*** Opening STUDY MATERIAL ***
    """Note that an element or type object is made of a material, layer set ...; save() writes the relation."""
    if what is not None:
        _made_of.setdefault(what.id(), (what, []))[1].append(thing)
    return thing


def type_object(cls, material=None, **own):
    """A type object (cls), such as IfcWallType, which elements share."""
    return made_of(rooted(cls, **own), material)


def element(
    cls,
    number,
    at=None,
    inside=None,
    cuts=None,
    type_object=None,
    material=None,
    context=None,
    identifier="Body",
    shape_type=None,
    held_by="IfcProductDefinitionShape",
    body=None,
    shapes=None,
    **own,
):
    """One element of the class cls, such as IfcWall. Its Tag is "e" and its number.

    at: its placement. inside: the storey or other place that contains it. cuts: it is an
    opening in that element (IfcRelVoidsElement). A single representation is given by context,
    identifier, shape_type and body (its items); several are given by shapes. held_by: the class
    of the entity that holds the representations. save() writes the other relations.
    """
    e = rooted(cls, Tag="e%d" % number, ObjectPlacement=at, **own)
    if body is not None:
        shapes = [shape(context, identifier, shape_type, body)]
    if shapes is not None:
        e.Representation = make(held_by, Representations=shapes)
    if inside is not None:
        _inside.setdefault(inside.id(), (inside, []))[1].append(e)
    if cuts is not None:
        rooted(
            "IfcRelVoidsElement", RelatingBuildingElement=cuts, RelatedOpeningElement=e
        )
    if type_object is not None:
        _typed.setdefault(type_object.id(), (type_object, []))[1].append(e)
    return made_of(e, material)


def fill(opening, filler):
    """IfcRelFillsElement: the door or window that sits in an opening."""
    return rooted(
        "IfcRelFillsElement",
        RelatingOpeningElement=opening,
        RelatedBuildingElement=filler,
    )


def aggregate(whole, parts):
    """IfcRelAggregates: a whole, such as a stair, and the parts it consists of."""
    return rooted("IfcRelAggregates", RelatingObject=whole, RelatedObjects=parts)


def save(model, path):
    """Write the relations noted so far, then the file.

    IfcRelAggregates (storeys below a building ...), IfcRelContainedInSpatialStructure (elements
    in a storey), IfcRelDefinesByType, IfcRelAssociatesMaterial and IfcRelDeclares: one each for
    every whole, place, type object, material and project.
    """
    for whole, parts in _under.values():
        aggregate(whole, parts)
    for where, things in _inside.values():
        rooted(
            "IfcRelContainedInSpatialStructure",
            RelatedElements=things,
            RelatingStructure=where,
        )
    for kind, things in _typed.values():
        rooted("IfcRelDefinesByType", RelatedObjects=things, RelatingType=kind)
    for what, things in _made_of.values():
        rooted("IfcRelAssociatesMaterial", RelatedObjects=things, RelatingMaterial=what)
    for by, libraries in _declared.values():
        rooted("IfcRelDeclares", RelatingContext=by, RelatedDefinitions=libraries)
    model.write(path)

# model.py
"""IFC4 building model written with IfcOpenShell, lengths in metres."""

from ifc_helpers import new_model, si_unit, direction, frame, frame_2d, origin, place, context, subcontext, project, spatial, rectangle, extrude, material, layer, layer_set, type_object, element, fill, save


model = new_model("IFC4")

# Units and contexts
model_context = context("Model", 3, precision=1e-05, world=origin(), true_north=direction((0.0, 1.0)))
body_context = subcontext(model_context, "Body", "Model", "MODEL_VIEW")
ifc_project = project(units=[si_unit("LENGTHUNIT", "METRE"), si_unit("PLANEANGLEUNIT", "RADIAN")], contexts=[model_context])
*** Closing STUDY MATERIAL ***
WHAT THE TASK REQUIRES -
Match on "whole": copy every line in the records that has it.

SOLUTION FOR THIS EXERCISE -
def aggregate(whole, parts):
    """IfcRelAggregates: a whole, such as a stair, and the parts it consists of."""
    return rooted("IfcRelAggregates", RelatingObject=whole, RelatedObjects=parts)
    every whole, place, type object, material and project.
    for whole, parts in _under.values():
        aggregate(whole, parts)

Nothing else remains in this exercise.